-- What is required --
Look below for the line holding "#110=IFCINDEXEDPOLYGONALFACE((31,32,36,35));" and the line holding "#114=IFCINDEXEDPOLYGONALFACE((39,40,42,41));". Transcribe exactly those lines and all lines between them, nothing more.
- - - - - - -
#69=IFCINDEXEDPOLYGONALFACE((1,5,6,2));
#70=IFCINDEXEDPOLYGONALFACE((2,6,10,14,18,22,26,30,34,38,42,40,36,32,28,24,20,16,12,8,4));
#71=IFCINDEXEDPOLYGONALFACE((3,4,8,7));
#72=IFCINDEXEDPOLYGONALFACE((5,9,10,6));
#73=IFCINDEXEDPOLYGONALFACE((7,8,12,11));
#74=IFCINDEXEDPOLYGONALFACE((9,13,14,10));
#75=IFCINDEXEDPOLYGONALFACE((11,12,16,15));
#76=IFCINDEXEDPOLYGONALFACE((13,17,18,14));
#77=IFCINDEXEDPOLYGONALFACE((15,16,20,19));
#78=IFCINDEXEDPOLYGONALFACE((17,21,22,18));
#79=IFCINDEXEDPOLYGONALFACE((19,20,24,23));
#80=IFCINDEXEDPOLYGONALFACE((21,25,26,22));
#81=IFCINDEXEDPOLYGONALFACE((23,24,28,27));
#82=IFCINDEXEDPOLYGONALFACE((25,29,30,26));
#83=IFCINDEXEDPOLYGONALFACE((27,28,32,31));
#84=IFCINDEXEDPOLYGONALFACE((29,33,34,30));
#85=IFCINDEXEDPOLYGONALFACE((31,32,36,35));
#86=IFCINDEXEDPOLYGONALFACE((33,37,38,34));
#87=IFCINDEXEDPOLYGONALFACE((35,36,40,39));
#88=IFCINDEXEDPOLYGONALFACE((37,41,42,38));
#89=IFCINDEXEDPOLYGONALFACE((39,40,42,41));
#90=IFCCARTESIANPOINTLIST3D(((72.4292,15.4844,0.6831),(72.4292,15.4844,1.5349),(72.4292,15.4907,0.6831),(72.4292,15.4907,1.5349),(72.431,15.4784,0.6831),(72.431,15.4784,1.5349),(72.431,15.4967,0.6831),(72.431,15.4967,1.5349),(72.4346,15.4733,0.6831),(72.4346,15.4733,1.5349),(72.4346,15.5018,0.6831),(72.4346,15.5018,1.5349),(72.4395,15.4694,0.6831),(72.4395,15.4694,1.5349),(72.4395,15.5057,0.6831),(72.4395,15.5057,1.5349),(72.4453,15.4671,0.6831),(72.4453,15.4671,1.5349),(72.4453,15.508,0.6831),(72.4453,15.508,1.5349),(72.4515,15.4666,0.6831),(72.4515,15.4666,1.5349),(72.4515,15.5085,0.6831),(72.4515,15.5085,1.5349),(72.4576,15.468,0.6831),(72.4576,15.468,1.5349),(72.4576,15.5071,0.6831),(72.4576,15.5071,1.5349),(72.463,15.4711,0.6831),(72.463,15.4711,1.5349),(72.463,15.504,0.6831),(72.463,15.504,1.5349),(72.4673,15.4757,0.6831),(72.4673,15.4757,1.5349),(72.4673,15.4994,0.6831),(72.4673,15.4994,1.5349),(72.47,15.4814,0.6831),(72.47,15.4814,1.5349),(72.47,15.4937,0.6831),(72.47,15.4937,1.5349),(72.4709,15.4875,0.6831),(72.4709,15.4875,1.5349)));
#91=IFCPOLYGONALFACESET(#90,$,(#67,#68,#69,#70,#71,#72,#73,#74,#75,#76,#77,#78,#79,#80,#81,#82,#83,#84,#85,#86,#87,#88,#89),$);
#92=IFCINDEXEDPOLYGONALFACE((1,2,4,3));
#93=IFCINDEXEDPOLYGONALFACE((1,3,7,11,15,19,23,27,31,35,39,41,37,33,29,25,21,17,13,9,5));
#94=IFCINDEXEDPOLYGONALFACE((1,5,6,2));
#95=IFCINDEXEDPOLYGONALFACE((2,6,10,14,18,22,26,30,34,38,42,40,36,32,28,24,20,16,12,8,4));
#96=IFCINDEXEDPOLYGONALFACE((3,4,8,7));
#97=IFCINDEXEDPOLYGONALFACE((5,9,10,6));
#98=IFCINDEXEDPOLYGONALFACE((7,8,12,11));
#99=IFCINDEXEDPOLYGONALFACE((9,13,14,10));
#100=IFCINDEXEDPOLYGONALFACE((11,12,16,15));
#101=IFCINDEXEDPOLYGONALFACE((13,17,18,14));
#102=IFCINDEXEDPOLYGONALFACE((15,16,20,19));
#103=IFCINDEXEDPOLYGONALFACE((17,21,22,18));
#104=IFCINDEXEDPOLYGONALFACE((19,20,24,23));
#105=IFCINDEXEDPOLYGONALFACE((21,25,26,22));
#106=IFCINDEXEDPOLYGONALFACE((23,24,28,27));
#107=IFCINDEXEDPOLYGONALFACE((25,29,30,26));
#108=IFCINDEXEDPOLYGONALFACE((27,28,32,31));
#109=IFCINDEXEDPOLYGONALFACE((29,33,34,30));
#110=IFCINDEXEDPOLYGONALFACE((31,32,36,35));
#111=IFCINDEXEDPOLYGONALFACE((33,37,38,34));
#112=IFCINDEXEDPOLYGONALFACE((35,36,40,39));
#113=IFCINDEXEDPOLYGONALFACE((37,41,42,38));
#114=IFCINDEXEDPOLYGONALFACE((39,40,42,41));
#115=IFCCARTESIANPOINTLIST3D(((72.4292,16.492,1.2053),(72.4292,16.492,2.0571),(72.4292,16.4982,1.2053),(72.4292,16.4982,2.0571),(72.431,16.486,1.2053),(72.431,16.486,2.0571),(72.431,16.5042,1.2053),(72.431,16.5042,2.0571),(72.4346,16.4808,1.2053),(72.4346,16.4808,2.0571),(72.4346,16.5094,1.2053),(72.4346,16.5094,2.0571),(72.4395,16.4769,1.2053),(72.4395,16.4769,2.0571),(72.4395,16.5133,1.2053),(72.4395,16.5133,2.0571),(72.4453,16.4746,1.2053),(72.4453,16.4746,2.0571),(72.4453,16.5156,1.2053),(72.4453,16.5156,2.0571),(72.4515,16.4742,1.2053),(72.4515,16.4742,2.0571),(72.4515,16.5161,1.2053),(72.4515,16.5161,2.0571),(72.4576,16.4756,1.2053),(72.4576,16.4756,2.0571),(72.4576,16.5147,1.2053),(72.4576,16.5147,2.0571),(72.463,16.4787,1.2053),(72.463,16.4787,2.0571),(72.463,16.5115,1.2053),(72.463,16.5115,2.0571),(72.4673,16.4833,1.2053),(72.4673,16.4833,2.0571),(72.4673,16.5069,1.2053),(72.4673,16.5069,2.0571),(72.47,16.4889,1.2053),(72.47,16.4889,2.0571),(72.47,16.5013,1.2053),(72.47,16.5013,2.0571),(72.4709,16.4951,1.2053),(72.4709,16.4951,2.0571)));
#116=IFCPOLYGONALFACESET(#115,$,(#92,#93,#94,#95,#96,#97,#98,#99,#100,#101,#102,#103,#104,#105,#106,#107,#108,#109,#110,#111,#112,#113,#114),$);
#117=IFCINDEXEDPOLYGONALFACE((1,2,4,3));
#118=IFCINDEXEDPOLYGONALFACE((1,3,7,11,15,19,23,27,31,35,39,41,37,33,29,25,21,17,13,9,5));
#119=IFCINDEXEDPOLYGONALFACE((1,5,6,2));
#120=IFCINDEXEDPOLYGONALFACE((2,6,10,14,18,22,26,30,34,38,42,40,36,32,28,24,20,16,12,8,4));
- - - - - - -
-- Reply --
#110=IFCINDEXEDPOLYGONALFACE((31,32,36,35));
#111=IFCINDEXEDPOLYGONALFACE((33,37,38,34));
#112=IFCINDEXEDPOLYGONALFACE((35,36,40,39));
#113=IFCINDEXEDPOLYGONALFACE((37,41,42,38));
#114=IFCINDEXEDPOLYGONALFACE((39,40,42,41));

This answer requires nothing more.